What is needed → Repeat, line for line, the entries below from the first line to the line containing "#14=IFCLOCALPLACEMENT(#10,#13);", counting both ends.

Data excerpts:

⟨

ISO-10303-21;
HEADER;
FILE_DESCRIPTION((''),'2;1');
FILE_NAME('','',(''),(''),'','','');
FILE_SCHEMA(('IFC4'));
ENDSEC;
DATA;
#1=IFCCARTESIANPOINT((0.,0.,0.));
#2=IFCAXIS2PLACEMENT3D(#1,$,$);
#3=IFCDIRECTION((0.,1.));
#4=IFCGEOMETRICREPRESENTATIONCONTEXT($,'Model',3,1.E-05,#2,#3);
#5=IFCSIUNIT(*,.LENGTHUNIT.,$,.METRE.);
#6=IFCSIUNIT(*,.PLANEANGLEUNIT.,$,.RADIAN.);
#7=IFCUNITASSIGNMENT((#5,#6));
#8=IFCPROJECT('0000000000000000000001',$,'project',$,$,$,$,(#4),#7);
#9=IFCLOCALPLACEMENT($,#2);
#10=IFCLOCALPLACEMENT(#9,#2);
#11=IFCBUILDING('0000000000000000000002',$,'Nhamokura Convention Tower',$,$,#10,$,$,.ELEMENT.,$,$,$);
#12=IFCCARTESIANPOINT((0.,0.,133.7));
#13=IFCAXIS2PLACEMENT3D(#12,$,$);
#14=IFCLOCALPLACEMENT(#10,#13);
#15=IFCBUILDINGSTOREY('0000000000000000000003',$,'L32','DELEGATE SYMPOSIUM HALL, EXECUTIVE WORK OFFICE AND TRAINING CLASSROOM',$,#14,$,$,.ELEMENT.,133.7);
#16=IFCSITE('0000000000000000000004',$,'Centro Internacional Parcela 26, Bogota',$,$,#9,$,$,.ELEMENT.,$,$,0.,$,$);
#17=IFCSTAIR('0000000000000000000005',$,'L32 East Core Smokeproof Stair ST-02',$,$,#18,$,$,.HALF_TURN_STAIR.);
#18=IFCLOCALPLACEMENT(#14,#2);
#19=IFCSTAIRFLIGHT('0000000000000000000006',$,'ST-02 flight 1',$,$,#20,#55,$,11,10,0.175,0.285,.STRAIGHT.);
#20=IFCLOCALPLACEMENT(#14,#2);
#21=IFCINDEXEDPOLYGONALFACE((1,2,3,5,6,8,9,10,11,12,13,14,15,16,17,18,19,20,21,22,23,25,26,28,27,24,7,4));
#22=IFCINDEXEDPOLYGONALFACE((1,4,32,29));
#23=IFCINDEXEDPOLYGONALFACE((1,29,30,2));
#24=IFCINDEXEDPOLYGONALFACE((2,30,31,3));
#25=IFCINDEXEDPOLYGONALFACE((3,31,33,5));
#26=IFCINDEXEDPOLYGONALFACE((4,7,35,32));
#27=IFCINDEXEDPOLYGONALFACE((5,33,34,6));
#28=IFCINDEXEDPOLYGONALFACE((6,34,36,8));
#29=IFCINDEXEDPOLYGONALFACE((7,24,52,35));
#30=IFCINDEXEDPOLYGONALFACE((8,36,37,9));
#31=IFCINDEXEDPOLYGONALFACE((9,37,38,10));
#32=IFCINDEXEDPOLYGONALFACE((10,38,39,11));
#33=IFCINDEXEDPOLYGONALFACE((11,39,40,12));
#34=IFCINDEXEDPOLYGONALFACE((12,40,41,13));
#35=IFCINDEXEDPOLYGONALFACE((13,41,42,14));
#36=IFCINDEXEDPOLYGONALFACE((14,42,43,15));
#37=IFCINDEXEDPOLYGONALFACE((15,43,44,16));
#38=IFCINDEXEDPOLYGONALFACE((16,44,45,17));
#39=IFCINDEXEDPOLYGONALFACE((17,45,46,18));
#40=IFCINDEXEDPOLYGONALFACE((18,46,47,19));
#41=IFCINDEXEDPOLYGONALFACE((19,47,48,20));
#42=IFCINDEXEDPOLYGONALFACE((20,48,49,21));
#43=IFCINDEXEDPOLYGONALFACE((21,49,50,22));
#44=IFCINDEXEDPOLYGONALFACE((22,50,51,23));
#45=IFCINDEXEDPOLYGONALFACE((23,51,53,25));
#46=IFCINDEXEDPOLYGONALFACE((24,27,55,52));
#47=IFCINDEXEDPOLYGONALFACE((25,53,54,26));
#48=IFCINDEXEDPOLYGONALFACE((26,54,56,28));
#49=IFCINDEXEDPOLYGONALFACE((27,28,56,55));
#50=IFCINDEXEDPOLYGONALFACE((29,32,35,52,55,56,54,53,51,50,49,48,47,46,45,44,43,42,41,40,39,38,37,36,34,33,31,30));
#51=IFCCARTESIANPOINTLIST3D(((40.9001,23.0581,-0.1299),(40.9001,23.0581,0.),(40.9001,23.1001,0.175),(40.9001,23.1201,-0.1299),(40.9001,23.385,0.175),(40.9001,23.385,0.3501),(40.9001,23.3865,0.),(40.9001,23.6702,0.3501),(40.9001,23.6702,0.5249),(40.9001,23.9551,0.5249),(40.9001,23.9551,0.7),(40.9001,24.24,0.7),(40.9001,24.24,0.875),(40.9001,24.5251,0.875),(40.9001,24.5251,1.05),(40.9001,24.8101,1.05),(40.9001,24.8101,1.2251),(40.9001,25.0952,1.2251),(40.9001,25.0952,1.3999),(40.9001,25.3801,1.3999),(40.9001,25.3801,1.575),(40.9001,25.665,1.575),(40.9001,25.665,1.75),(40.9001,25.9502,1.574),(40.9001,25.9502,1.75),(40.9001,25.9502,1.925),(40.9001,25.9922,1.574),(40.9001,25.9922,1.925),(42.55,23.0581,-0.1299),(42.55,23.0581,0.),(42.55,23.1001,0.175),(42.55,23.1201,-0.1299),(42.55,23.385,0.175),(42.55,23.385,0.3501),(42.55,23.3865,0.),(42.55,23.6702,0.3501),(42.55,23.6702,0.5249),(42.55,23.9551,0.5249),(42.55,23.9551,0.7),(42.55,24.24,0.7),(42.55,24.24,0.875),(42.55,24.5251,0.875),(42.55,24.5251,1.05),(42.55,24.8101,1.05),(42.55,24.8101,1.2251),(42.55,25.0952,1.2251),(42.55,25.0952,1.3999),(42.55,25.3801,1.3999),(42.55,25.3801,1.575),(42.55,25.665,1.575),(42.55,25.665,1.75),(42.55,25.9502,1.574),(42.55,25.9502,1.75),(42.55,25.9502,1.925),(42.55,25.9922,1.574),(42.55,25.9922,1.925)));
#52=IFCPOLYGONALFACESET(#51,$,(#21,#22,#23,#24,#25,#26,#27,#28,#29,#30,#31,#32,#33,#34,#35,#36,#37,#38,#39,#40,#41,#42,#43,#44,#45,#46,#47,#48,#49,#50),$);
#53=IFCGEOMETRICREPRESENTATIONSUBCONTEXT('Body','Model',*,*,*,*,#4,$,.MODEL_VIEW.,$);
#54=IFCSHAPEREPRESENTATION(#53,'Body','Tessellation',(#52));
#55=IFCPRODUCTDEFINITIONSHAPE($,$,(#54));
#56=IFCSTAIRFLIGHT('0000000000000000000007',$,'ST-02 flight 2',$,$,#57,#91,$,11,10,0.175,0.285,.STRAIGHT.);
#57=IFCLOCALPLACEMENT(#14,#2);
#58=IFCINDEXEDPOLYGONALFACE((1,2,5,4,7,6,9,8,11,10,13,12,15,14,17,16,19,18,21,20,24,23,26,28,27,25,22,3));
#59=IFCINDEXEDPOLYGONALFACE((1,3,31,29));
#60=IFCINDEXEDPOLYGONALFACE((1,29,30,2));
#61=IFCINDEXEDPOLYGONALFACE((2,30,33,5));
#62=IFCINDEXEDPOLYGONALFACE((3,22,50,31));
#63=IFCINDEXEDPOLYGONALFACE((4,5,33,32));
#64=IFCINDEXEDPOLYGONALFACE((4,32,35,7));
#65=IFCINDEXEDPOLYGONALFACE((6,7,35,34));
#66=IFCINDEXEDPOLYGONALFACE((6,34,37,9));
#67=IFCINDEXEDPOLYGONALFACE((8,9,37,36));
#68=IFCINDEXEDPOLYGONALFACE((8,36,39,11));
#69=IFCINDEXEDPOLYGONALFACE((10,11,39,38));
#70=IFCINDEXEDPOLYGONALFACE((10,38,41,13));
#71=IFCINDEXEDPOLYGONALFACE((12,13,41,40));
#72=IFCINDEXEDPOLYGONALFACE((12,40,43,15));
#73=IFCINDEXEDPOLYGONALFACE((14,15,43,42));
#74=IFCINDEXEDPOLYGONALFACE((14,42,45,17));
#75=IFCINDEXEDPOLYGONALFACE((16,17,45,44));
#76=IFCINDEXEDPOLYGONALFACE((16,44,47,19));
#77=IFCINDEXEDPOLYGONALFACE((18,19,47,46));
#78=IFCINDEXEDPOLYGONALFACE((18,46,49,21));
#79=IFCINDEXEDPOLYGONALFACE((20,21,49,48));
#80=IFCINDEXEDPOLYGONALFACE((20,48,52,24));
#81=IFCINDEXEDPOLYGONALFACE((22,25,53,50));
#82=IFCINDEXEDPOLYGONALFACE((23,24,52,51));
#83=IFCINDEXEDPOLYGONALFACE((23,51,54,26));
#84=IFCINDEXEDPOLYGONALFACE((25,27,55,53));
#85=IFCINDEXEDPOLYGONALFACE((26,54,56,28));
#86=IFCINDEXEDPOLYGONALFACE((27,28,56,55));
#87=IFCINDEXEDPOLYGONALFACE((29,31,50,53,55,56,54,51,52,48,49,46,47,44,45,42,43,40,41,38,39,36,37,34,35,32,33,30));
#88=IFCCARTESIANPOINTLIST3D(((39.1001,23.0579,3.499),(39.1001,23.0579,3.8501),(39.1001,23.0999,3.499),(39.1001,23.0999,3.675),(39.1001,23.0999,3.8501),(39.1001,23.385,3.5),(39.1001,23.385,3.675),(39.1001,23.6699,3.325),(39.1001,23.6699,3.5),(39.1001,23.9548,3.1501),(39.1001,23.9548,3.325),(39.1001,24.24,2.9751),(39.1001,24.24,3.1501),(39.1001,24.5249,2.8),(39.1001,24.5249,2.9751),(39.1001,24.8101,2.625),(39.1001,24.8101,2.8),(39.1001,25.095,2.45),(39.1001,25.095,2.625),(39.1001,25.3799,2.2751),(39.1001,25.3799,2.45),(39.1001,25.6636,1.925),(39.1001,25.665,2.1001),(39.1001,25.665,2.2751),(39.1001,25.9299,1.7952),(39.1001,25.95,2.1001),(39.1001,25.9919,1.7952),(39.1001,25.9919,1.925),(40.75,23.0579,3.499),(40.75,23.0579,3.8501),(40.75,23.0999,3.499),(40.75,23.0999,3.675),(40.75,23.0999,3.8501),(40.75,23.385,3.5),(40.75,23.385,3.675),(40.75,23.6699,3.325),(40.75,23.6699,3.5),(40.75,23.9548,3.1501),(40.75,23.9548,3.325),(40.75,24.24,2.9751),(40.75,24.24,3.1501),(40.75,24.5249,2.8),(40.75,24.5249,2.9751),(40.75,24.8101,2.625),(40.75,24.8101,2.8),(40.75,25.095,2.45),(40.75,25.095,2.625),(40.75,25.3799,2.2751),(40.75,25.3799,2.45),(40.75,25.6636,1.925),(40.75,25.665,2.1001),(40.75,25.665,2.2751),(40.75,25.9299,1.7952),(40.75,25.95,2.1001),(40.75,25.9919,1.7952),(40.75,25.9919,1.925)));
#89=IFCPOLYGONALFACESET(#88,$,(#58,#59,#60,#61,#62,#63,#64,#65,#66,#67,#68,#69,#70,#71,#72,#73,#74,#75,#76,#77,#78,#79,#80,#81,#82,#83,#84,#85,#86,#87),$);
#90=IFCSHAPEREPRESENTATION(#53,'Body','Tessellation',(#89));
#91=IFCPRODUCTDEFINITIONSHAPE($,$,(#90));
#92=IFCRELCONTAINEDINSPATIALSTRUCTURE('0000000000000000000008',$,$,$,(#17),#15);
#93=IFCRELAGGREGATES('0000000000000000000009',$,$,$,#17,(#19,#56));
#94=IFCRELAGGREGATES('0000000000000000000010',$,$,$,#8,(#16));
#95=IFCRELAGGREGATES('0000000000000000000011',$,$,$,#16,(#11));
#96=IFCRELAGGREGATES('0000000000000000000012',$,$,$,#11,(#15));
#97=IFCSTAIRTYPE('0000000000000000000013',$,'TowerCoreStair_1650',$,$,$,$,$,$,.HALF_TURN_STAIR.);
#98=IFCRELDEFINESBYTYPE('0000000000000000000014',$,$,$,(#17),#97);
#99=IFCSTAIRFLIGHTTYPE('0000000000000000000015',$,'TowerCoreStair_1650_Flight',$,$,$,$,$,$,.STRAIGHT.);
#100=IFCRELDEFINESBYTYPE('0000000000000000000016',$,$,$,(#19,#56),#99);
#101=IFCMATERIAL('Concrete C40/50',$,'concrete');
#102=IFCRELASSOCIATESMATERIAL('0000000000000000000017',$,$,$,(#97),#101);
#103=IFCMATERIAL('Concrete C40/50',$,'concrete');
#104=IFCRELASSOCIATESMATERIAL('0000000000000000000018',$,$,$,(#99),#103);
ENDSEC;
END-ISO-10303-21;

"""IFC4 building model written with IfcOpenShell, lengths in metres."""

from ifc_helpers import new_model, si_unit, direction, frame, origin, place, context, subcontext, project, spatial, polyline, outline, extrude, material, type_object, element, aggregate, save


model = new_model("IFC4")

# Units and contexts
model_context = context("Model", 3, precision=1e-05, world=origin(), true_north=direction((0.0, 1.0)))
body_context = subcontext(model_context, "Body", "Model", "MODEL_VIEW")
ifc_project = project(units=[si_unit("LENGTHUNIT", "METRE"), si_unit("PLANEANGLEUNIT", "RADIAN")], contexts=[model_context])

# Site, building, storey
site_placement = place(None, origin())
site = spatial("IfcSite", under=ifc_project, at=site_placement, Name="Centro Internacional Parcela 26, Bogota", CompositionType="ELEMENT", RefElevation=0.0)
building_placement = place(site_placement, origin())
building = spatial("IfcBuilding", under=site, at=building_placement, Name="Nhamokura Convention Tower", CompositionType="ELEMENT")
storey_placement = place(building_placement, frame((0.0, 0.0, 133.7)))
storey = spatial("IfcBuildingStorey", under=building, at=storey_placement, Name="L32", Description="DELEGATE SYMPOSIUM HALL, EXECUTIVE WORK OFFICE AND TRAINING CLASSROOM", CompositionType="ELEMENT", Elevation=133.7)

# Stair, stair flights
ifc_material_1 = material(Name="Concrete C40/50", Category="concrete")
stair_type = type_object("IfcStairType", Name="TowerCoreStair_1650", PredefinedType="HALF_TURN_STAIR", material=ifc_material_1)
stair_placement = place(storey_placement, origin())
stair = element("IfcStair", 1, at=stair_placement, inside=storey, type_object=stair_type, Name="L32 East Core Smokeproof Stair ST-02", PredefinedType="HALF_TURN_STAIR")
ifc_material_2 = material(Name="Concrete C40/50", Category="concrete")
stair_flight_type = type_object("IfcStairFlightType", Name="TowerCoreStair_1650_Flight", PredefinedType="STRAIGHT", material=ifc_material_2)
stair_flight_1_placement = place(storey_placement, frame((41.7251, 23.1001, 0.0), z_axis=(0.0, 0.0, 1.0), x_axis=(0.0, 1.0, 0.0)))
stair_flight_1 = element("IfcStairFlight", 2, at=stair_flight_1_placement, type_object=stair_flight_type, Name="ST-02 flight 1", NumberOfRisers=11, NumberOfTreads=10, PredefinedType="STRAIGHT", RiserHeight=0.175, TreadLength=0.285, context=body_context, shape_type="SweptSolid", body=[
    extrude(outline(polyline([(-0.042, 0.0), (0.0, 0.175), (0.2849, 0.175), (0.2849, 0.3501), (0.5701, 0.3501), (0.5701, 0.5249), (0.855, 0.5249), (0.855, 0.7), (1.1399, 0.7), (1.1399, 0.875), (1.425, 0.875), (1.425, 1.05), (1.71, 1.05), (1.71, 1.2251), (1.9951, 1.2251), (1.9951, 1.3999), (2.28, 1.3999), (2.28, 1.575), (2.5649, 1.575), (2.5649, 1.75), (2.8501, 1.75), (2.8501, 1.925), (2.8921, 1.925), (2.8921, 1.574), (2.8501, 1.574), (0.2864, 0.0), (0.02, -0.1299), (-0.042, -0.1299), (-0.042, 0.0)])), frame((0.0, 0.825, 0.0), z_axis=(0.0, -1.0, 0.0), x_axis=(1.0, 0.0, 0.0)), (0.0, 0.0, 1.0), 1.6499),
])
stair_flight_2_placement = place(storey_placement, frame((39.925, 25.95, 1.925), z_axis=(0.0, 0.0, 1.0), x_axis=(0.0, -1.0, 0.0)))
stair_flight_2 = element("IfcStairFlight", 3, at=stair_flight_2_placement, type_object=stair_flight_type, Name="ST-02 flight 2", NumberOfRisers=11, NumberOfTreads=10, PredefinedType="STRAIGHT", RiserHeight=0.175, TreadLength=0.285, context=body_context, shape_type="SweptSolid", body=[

⟩

Answer section →
ISO-10303-21;
HEADER;
FILE_DESCRIPTION((''),'2;1');
FILE_NAME('','',(''),(''),'','','');
FILE_SCHEMA(('IFC4'));
ENDSEC;
DATA;
#1=IFCCARTESIANPOINT((0.,0.,0.));
#2=IFCAXIS2PLACEMENT3D(#1,$,$);
#3=IFCDIRECTION((0.,1.));
#4=IFCGEOMETRICREPRESENTATIONCONTEXT($,'Model',3,1.E-05,#2,#3);
#5=IFCSIUNIT(*,.LENGTHUNIT.,$,.METRE.);
#6=IFCSIUNIT(*,.PLANEANGLEUNIT.,$,.RADIAN.);
#7=IFCUNITASSIGNMENT((#5,#6));
#8=IFCPROJECT('0000000000000000000001',$,'project',$,$,$,$,(#4),#7);
#9=IFCLOCALPLACEMENT($,#2);
#10=IFCLOCALPLACEMENT(#9,#2);
#11=IFCBUILDING('0000000000000000000002',$,'Nhamokura Convention Tower',$,$,#10,$,$,.ELEMENT.,$,$,$);
#12=IFCCARTESIANPOINT((0.,0.,133.7));
#13=IFCAXIS2PLACEMENT3D(#12,$,$);
#14=IFCLOCALPLACEMENT(#10,#13);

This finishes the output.